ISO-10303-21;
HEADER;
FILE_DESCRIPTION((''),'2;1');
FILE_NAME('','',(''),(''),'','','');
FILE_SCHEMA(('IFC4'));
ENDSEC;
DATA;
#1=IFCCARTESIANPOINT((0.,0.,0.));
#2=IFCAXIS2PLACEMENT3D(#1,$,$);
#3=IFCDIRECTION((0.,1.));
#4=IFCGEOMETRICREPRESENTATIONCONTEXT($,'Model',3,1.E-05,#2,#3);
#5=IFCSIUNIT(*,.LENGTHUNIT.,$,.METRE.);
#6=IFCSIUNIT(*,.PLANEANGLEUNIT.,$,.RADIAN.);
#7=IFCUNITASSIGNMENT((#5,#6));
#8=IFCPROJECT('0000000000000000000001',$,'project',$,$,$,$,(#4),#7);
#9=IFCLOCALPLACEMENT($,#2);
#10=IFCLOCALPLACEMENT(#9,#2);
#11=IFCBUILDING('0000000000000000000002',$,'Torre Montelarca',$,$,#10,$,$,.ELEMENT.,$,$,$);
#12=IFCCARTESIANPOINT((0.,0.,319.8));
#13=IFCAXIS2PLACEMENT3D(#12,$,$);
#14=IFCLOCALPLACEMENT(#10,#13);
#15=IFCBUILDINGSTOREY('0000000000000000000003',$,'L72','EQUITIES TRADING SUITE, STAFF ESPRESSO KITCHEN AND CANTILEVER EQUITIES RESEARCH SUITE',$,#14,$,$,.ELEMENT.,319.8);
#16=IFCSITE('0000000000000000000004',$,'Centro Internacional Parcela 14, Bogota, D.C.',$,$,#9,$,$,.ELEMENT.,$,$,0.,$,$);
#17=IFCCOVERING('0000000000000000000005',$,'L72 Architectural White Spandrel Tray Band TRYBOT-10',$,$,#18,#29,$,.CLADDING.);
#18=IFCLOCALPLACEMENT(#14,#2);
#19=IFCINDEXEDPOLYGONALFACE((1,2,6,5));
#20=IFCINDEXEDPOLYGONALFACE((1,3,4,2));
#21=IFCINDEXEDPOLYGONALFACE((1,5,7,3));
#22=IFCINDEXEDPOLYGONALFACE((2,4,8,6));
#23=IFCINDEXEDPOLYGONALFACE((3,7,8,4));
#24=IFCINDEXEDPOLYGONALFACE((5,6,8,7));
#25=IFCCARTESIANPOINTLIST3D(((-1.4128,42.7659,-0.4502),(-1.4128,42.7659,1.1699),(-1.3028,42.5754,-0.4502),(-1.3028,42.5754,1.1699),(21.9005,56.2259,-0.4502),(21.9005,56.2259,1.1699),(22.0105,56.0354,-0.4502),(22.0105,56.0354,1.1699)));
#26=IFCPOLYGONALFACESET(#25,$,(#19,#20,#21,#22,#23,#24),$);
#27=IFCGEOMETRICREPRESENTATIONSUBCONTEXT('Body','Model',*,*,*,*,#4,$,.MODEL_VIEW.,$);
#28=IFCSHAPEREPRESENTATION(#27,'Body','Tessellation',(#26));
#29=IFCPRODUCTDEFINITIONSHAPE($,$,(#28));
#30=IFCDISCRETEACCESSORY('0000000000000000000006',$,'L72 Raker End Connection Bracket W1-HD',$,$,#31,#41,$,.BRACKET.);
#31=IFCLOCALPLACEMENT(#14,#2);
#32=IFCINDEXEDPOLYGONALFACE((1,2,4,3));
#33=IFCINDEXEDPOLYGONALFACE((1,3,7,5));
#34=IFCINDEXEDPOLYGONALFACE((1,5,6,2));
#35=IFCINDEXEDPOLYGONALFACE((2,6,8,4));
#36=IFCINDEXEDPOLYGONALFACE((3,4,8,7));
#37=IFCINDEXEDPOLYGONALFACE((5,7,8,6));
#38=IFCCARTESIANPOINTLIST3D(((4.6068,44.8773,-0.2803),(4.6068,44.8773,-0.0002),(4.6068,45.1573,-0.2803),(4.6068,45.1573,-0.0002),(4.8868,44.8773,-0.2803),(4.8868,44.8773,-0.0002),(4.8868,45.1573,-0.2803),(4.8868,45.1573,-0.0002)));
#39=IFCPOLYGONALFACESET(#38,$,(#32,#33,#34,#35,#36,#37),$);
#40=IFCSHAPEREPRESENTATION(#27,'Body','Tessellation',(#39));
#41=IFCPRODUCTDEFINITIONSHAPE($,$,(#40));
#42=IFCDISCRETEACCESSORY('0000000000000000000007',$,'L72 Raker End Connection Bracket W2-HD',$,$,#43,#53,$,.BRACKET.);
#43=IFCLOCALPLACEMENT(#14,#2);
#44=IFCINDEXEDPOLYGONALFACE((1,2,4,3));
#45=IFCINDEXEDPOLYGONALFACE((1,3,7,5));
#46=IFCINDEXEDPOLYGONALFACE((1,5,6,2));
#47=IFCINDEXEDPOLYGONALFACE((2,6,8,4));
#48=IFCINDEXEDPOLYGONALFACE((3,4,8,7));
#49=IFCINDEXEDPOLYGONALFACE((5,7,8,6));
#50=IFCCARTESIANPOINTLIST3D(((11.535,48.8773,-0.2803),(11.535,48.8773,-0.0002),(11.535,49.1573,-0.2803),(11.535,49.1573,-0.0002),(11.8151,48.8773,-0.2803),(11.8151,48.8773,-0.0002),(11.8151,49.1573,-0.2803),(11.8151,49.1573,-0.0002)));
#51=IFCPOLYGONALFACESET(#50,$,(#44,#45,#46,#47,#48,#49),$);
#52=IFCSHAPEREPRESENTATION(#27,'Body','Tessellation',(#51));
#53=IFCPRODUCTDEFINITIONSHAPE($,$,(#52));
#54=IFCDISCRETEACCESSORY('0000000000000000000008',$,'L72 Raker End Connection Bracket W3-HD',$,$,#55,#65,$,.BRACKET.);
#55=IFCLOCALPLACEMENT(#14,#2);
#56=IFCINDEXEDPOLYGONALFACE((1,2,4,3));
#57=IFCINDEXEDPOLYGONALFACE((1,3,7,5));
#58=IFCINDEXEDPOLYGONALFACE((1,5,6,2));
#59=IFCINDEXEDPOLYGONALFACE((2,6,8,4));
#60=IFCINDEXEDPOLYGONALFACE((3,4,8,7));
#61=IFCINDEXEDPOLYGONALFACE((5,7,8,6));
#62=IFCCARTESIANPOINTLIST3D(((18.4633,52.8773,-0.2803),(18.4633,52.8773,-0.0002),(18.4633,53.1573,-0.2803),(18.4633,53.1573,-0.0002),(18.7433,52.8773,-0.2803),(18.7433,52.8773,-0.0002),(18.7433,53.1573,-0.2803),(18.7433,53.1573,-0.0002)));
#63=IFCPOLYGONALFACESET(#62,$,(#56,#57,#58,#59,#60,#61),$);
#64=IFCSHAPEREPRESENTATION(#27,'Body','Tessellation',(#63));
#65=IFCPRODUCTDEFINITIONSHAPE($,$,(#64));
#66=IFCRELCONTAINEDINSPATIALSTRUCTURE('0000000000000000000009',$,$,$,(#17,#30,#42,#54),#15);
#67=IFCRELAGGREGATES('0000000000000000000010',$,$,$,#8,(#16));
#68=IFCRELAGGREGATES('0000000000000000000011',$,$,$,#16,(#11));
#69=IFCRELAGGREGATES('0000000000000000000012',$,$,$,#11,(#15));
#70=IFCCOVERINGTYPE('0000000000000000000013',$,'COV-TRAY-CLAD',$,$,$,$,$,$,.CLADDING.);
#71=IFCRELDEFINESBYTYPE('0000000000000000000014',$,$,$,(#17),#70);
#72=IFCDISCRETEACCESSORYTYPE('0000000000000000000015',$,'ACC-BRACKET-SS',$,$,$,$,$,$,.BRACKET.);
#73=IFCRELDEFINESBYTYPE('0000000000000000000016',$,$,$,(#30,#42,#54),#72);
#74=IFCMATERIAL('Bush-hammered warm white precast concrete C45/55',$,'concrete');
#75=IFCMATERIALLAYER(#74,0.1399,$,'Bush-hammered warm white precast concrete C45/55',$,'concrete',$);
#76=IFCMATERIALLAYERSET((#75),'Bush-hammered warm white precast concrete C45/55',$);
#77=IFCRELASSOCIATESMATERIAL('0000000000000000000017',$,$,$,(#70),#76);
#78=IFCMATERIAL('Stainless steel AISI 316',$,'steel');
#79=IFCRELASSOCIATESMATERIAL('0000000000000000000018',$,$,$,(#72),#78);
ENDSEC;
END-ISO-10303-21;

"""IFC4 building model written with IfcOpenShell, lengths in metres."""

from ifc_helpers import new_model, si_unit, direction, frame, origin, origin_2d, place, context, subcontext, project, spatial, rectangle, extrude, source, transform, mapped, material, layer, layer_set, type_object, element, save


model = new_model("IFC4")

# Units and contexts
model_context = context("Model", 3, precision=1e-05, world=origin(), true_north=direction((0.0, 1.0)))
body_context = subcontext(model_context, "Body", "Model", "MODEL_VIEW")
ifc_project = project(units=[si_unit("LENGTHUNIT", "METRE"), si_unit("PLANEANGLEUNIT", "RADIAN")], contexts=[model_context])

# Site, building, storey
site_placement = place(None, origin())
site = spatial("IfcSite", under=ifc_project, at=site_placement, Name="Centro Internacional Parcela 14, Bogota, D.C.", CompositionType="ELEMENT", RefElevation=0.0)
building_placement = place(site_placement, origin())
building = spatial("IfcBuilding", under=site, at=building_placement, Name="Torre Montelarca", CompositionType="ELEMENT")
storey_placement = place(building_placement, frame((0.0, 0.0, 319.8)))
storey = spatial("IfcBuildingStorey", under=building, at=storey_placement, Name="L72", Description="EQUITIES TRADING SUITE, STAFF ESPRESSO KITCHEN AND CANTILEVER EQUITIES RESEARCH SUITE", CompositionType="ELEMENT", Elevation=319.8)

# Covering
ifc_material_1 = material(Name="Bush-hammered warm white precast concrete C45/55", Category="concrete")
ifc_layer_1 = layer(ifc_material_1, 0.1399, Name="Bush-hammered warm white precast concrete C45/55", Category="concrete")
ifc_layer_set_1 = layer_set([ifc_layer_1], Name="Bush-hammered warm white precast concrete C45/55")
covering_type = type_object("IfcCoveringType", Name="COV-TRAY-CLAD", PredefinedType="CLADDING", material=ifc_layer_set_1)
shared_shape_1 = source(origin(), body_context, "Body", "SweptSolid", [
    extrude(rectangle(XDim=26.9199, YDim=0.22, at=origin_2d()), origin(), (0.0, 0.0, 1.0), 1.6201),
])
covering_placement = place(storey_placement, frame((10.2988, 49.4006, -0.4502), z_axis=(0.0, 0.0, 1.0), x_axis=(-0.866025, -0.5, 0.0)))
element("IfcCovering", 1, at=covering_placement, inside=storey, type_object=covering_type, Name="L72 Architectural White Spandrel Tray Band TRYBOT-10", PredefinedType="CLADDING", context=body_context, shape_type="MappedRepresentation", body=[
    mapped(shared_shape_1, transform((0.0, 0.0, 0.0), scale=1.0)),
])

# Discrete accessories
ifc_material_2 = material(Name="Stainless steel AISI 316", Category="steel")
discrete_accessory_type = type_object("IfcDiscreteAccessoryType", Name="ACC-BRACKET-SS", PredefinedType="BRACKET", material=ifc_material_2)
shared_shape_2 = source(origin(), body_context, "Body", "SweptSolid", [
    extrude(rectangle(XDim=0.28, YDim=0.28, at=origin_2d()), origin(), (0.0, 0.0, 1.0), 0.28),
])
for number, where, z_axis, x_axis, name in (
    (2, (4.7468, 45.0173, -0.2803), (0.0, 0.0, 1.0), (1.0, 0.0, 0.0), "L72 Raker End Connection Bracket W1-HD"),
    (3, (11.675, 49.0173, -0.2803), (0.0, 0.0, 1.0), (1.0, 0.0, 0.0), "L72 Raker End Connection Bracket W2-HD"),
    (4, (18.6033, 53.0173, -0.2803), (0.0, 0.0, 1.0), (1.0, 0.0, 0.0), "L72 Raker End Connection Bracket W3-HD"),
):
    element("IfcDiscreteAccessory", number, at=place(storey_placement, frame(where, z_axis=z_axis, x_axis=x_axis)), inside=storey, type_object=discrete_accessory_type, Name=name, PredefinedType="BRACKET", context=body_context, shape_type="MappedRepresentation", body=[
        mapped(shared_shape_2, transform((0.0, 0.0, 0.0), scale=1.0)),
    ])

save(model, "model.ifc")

...

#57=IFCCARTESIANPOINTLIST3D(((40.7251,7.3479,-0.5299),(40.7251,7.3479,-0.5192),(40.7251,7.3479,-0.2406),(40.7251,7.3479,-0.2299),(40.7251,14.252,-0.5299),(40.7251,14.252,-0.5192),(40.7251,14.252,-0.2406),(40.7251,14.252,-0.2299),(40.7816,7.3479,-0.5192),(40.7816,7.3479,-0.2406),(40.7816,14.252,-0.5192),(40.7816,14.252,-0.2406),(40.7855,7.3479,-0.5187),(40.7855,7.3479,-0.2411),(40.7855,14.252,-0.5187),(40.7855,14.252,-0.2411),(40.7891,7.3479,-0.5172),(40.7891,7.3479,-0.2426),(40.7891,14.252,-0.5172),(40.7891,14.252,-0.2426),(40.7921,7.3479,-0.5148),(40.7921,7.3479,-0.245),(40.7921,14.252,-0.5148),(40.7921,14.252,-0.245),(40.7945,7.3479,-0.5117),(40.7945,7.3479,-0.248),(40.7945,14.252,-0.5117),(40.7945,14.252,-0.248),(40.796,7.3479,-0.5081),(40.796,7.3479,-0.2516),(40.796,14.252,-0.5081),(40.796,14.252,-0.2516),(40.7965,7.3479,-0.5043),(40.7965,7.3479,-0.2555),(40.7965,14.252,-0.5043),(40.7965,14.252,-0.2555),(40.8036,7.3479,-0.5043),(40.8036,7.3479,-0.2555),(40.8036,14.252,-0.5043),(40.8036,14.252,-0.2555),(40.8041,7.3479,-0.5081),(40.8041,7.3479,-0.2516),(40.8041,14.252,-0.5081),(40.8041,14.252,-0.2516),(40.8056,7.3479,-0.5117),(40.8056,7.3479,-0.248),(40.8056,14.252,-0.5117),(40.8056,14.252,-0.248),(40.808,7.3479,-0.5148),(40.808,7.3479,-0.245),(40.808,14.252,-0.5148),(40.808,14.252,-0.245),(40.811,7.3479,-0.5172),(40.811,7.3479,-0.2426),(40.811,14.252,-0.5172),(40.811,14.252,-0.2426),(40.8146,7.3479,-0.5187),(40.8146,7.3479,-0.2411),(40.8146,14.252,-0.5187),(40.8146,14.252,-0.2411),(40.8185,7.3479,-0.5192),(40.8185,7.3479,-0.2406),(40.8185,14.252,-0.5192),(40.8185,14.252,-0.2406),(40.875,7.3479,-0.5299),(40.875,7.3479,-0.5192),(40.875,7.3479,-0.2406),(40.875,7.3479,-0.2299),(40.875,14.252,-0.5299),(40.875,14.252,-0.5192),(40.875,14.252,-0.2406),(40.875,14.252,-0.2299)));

==

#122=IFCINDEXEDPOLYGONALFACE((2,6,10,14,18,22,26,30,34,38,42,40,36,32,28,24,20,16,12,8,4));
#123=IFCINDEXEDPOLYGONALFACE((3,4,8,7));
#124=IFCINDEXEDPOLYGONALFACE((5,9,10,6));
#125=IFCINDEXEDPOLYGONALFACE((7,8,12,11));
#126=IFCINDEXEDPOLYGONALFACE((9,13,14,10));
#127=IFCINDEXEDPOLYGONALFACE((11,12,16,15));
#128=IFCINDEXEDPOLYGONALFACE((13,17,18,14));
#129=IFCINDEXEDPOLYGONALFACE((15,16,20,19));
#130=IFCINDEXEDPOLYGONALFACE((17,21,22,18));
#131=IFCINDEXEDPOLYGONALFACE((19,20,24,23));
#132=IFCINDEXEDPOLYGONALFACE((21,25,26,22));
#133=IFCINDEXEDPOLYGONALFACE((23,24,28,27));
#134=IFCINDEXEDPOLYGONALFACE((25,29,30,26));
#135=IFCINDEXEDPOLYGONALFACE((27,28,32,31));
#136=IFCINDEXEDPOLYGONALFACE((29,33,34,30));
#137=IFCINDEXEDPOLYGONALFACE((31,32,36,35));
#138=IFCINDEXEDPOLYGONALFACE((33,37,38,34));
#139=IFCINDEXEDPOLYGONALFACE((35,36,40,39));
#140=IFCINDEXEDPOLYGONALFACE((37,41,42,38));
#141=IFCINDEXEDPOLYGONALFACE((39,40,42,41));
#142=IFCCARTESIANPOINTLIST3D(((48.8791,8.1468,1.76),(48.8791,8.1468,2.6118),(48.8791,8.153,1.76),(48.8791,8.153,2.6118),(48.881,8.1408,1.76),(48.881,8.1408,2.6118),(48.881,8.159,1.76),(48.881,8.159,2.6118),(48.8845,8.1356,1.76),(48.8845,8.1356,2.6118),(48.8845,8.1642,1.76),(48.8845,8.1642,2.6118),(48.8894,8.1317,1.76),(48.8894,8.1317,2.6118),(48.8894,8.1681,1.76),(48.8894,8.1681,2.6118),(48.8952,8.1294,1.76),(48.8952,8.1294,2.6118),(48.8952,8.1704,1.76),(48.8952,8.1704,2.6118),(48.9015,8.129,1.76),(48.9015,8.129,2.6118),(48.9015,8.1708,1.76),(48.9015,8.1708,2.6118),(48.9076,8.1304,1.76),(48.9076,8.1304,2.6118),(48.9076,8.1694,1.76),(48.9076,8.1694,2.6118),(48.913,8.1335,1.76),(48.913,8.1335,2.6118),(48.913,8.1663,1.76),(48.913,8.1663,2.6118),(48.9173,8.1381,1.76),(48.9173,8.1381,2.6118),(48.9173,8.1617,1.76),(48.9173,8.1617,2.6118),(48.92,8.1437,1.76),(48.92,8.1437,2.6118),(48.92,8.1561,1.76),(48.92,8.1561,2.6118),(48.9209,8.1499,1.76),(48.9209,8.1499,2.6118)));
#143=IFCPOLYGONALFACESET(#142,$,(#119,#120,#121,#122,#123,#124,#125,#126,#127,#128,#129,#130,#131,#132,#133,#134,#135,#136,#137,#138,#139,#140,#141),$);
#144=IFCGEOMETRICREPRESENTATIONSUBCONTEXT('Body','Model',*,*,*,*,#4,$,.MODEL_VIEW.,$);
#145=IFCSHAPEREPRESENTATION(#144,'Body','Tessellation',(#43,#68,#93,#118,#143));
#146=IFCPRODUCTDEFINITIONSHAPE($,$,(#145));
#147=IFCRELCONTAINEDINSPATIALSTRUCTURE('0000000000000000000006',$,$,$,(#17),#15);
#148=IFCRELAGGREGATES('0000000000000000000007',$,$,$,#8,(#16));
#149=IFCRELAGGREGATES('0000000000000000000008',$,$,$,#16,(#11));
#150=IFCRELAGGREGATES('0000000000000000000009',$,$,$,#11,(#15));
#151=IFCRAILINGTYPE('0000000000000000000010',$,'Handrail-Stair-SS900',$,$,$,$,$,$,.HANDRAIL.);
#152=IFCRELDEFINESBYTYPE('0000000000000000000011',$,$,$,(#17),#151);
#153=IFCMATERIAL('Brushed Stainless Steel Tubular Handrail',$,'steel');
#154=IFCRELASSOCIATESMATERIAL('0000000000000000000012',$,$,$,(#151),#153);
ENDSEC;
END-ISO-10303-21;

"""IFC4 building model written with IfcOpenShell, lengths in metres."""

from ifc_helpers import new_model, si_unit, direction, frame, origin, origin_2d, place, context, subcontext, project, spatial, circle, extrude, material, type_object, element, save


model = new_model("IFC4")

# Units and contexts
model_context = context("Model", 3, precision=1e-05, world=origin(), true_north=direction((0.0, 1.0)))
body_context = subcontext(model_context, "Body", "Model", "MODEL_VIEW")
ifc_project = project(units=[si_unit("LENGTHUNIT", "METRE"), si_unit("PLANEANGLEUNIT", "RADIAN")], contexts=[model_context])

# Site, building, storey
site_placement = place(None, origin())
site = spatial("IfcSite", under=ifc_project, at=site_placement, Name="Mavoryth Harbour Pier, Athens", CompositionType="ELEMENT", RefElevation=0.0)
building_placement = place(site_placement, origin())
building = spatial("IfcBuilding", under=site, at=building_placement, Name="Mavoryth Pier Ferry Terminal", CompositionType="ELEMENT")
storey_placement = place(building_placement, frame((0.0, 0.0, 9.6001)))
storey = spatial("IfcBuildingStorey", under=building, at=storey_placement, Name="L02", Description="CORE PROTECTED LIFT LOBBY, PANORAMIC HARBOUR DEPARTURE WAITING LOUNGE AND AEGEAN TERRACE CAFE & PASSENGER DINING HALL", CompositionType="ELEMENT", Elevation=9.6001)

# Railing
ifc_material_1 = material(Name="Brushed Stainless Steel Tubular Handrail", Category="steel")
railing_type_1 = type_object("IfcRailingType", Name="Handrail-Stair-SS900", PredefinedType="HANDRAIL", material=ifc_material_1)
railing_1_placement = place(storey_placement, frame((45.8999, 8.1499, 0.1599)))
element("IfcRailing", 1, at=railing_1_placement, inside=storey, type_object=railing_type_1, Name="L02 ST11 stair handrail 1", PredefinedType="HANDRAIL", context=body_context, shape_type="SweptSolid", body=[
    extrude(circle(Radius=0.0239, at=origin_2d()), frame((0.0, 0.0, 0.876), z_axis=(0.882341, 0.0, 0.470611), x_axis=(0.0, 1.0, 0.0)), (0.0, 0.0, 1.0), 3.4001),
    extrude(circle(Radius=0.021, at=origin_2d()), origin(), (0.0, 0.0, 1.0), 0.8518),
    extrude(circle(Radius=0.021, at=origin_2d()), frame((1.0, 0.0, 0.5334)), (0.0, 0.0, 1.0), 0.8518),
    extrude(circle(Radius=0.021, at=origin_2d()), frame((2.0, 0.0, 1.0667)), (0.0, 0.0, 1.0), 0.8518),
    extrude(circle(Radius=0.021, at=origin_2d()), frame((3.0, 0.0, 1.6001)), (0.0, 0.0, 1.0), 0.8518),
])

> **THE TASK**
Where a line of the entries contains the word "IFCRELASSOCIATESMATERIAL", copy that line.

> **REPLY**
#77=IFCRELASSOCIATESMATERIAL('0000000000000000000017',$,$,$,(#70),#76);
#79=IFCRELASSOCIATESMATERIAL('0000000000000000000018',$,$,$,(#72),#78);
#154=IFCRELASSOCIATESMATERIAL('0000000000000000000012',$,$,$,(#151),#153);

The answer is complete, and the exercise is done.